Stored items
»»
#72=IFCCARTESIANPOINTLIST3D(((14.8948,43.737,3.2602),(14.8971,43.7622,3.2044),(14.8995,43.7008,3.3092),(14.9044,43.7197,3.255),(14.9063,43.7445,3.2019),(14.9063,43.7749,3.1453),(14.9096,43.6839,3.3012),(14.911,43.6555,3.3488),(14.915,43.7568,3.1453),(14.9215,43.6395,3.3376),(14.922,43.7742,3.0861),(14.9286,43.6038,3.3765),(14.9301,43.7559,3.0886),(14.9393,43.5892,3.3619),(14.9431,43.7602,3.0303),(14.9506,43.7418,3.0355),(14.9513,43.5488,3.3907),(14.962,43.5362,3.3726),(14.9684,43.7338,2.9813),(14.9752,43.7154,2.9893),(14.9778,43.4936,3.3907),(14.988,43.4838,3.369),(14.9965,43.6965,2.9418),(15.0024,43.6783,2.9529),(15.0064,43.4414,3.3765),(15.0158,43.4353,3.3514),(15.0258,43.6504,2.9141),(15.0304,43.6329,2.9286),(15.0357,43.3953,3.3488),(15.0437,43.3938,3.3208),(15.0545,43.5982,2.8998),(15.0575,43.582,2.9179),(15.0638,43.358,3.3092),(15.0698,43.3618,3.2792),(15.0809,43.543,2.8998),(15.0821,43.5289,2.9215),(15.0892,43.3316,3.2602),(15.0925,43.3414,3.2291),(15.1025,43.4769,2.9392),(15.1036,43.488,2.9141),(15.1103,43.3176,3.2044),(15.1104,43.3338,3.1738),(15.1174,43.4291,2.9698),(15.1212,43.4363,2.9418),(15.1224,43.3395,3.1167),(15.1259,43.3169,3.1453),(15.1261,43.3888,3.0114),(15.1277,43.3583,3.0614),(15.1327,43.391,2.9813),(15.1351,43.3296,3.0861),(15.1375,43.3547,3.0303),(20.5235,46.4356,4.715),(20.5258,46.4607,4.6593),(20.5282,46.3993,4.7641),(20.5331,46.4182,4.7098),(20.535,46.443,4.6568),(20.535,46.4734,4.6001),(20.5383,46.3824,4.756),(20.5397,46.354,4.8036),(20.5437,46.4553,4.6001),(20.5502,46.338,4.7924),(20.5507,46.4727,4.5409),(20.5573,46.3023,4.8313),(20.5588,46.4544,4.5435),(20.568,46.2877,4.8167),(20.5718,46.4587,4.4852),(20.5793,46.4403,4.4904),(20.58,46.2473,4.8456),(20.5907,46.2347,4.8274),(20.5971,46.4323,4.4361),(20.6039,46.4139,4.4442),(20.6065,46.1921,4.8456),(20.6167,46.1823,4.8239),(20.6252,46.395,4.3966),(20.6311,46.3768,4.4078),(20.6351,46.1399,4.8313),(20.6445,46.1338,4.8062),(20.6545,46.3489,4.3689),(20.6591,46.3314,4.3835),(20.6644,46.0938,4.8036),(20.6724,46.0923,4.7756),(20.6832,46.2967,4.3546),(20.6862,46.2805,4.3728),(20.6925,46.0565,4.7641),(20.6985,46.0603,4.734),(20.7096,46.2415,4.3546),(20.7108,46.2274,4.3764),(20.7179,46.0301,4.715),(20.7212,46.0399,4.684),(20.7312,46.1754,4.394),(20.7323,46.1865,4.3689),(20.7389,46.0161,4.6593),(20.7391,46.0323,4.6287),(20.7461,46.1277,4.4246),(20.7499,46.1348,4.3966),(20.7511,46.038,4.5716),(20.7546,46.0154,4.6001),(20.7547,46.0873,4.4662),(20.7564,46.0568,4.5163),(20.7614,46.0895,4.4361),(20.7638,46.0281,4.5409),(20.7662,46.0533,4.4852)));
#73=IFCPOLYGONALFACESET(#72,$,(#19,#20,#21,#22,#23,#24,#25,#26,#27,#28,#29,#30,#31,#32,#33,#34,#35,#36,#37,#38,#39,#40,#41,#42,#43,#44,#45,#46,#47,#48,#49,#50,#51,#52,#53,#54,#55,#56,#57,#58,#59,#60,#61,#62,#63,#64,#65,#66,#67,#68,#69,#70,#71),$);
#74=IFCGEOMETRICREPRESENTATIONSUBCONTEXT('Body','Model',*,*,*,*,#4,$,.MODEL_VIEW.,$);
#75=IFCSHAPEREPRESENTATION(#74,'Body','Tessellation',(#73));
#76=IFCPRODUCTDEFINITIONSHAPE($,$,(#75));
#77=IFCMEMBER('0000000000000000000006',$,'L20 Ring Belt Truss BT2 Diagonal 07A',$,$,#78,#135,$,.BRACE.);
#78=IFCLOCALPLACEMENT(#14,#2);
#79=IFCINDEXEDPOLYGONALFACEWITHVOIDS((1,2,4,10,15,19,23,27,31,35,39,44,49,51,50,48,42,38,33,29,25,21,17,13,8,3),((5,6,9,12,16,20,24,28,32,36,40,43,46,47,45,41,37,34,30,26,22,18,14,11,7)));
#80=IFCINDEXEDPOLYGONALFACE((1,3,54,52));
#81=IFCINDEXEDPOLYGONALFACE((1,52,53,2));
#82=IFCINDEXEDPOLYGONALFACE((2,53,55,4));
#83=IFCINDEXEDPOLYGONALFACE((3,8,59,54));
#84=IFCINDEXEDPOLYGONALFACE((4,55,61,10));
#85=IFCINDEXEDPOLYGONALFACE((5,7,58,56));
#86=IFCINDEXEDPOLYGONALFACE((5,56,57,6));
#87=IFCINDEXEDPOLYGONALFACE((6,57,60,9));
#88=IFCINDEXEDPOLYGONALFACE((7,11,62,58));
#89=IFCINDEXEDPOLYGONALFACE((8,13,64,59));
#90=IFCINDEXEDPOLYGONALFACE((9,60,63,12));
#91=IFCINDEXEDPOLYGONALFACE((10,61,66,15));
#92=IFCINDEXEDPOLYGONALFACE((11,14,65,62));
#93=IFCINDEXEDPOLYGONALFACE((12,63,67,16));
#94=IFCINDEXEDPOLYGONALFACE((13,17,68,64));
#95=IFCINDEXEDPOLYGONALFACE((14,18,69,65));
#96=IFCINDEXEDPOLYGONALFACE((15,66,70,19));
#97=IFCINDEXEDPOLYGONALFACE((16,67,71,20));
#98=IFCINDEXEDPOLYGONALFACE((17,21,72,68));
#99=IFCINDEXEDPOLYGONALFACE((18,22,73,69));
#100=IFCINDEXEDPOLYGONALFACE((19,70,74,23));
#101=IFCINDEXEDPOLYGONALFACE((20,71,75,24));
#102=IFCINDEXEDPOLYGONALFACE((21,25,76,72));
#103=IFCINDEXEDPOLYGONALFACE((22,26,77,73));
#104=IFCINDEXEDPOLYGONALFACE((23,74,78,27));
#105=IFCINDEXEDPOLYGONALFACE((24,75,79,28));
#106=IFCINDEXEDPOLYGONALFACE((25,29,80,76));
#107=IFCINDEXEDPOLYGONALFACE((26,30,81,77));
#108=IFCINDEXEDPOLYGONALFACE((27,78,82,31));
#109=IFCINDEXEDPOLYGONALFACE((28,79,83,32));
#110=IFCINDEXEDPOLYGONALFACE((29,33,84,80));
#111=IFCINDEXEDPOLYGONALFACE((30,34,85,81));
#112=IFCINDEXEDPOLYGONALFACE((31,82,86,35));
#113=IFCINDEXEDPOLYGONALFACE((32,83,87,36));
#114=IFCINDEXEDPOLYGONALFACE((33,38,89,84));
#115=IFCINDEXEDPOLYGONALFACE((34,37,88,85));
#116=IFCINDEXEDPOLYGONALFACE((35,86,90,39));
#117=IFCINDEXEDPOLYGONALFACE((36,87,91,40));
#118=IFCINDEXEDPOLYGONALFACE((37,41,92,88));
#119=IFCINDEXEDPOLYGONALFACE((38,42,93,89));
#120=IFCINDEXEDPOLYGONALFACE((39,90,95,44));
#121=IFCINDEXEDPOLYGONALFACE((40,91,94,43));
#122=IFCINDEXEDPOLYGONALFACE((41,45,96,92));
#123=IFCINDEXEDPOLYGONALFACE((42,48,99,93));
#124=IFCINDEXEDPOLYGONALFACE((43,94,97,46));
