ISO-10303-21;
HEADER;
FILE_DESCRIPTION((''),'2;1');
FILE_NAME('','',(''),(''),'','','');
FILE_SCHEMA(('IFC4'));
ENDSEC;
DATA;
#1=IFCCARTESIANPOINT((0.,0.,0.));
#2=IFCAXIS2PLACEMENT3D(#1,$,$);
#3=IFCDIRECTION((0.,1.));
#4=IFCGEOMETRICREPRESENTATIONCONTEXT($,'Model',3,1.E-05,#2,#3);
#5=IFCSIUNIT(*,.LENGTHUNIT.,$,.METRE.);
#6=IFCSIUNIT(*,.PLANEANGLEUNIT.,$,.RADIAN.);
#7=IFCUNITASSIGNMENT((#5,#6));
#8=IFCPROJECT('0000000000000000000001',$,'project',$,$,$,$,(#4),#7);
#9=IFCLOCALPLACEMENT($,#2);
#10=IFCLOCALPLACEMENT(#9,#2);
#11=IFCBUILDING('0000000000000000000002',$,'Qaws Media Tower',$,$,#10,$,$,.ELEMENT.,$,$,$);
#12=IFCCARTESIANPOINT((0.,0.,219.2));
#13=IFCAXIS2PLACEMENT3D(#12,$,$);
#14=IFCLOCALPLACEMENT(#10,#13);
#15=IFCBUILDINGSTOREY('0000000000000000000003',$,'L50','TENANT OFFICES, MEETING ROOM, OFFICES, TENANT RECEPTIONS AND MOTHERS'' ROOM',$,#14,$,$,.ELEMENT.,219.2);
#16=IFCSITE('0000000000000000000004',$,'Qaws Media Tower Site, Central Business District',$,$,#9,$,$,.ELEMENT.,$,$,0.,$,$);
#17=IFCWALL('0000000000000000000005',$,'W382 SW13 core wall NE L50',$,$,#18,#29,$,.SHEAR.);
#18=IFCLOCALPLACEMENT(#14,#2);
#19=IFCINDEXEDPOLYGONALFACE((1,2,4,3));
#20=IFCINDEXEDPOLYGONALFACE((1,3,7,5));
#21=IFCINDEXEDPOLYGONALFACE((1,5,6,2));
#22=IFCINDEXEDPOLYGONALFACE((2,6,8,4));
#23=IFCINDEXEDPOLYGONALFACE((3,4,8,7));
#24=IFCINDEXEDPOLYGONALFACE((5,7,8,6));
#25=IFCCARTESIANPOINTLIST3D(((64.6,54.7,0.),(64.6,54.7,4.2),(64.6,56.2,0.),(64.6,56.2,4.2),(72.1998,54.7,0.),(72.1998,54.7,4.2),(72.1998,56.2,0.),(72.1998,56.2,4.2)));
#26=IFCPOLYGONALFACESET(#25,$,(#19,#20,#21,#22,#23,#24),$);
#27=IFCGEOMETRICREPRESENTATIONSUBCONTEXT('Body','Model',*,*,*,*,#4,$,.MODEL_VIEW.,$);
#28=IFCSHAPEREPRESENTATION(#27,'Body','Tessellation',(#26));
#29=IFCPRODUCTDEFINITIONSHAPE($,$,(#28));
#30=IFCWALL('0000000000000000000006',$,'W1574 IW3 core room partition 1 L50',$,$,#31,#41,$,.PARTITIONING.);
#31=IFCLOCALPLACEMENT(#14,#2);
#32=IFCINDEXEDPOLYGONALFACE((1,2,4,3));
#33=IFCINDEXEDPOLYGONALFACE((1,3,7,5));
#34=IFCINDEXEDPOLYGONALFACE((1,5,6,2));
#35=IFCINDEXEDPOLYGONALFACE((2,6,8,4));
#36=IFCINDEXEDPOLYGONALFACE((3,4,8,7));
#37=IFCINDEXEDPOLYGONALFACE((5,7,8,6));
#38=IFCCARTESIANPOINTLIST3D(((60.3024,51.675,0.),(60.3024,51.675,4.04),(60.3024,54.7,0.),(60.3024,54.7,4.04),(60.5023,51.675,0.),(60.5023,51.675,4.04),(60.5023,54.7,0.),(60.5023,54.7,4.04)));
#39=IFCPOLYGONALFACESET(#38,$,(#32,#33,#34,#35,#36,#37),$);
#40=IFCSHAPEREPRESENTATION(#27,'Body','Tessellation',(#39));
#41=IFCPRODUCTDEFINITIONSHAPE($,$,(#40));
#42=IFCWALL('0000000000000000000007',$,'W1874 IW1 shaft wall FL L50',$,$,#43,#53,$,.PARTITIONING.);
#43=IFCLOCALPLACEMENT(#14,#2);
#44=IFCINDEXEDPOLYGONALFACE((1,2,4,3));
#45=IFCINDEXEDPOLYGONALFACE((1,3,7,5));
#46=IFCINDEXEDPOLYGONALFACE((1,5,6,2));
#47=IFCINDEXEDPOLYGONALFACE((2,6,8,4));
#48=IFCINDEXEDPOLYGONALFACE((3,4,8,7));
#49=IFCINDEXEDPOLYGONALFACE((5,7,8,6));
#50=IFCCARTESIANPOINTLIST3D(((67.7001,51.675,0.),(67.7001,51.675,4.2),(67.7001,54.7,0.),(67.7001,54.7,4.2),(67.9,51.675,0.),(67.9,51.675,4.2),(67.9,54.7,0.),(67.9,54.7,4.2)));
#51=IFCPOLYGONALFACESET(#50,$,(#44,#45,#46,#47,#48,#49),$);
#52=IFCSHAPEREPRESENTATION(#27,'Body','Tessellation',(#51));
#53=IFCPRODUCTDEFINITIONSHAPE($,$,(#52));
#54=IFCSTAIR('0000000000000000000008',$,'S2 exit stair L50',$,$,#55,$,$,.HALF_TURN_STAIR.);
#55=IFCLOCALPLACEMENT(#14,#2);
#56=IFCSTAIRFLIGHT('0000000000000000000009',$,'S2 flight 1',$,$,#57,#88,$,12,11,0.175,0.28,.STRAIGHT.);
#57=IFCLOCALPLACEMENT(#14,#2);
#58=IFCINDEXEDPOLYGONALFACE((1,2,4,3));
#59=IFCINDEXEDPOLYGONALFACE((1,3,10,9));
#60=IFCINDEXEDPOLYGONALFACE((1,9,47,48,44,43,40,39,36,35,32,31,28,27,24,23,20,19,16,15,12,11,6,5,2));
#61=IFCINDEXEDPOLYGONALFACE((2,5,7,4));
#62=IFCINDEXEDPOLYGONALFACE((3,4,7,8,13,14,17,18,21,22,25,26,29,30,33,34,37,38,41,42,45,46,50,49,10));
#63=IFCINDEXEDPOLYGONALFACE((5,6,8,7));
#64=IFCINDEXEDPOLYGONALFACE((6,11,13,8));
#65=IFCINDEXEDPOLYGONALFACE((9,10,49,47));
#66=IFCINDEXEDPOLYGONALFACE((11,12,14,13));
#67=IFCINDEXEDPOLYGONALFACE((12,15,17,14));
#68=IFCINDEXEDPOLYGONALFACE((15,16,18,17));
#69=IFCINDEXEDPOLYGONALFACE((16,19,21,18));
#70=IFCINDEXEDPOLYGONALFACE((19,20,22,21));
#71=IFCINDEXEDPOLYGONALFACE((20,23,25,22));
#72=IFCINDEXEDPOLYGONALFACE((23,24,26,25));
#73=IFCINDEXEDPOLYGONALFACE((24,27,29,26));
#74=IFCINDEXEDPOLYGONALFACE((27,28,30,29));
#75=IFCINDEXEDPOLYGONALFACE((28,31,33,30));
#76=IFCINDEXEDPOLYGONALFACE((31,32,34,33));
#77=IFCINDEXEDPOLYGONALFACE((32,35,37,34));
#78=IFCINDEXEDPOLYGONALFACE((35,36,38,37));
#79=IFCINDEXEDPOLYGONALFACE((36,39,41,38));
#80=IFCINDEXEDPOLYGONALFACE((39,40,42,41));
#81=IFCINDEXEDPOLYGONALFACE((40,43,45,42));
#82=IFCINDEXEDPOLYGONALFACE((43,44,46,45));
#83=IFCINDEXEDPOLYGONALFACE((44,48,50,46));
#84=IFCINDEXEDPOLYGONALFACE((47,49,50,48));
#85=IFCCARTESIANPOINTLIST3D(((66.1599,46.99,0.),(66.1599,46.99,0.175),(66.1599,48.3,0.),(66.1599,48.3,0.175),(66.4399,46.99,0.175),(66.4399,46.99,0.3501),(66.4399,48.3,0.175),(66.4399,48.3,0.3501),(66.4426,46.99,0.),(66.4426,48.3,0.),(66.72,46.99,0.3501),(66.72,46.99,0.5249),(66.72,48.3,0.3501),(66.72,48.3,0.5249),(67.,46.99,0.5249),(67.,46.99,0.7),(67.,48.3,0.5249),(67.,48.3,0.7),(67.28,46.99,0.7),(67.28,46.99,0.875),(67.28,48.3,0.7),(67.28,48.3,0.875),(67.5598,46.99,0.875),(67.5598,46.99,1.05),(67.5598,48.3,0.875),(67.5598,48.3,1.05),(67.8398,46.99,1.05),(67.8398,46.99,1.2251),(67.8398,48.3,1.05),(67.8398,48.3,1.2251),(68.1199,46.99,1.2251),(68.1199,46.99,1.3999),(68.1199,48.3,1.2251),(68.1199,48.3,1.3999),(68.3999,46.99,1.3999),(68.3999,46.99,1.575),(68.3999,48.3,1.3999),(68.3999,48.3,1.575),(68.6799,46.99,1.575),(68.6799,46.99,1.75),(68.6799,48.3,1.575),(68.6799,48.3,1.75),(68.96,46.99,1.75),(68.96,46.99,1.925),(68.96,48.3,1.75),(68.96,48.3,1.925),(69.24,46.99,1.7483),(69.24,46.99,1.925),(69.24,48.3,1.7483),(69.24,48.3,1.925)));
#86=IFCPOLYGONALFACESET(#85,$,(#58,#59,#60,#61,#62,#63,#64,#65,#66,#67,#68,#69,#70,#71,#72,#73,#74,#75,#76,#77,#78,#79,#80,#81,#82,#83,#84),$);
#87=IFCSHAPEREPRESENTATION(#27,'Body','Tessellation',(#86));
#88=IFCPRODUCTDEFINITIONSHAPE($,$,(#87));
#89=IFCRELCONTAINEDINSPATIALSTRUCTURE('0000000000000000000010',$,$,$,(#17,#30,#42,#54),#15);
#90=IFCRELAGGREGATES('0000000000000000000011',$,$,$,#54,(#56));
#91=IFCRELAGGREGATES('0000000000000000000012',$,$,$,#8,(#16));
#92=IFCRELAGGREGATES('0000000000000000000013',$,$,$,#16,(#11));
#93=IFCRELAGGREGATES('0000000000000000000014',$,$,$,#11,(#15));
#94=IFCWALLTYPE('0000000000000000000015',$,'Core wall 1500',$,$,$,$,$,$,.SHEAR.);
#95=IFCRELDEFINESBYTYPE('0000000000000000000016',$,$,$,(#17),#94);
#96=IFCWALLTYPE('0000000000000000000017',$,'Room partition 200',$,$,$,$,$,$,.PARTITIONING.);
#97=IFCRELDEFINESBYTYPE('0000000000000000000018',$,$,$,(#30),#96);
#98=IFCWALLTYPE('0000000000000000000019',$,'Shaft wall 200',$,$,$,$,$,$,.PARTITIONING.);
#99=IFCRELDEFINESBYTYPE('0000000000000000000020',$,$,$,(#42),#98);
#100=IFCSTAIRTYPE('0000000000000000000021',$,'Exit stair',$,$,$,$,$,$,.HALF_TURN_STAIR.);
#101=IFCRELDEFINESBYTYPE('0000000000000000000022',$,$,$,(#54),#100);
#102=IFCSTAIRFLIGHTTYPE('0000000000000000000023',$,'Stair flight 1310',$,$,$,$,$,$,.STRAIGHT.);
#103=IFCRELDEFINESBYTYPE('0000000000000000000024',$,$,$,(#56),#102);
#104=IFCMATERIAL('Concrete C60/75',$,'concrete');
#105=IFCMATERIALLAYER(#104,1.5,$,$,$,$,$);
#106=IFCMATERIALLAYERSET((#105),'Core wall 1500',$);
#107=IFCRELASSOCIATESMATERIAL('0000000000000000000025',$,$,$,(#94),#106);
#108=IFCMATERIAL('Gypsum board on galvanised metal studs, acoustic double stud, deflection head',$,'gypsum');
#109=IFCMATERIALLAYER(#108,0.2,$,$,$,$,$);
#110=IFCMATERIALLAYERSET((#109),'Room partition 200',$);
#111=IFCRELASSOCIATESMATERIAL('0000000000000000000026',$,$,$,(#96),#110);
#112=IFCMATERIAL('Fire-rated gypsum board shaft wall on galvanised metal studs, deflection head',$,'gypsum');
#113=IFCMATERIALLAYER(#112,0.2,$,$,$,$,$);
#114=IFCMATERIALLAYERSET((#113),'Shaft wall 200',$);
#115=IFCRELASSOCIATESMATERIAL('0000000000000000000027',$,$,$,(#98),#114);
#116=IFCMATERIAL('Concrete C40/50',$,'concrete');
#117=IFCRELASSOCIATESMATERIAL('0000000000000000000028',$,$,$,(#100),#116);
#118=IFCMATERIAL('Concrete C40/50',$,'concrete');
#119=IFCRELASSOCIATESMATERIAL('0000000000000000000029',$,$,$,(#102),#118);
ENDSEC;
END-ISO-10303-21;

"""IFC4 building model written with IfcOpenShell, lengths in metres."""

from ifc_helpers import new_model, si_unit, direction, frame, frame_2d, origin, place, context, subcontext, project, spatial, polyline, rectangle, outline, extrude, material, layer, layer_set, type_object, element, aggregate, save


model = new_model("IFC4")

# Units and contexts
model_context = context("Model", 3, precision=1e-05, world=origin(), true_north=direction((0.0, 1.0)))
body_context = subcontext(model_context, "Body", "Model", "MODEL_VIEW")
ifc_project = project(units=[si_unit("LENGTHUNIT", "METRE"), si_unit("PLANEANGLEUNIT", "RADIAN")], contexts=[model_context])

# Site, building, storey
site_placement = place(None, origin())
site = spatial("IfcSite", under=ifc_project, at=site_placement, Name="Qaws Media Tower Site, Central Business District", CompositionType="ELEMENT", RefElevation=0.0)
building_placement = place(site_placement, origin())
building = spatial("IfcBuilding", under=site, at=building_placement, Name="Qaws Media Tower", CompositionType="ELEMENT")
storey_placement = place(building_placement, frame((0.0, 0.0, 219.2)))
storey = spatial("IfcBuildingStorey", under=building, at=storey_placement, Name="L50", Description="TENANT OFFICES, MEETING ROOM, OFFICES, TENANT RECEPTIONS AND MOTHERS' ROOM", CompositionType="ELEMENT", Elevation=219.2)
««
Problem: Copy out each line of the data above, exactly, if it lies between the line holding "#99=IFCINDEXEDPOLYGONALFACE((18,22,73,69));" and the line holding "#107=IFCINDEXEDPOLYGONALFACE((26,30,81,77));", inclusive; copy no other line.

Completed task:
#99=IFCINDEXEDPOLYGONALFACE((18,22,73,69));
#100=IFCINDEXEDPOLYGONALFACE((19,70,74,23));
#101=IFCINDEXEDPOLYGONALFACE((20,71,75,24));
#102=IFCINDEXEDPOLYGONALFACE((21,25,76,72));
#103=IFCINDEXEDPOLYGONALFACE((22,26,77,73));
#104=IFCINDEXEDPOLYGONALFACE((23,74,78,27));
#105=IFCINDEXEDPOLYGONALFACE((24,75,79,28));
#106=IFCINDEXEDPOLYGONALFACE((25,29,80,76));
#107=IFCINDEXEDPOLYGONALFACE((26,30,81,77));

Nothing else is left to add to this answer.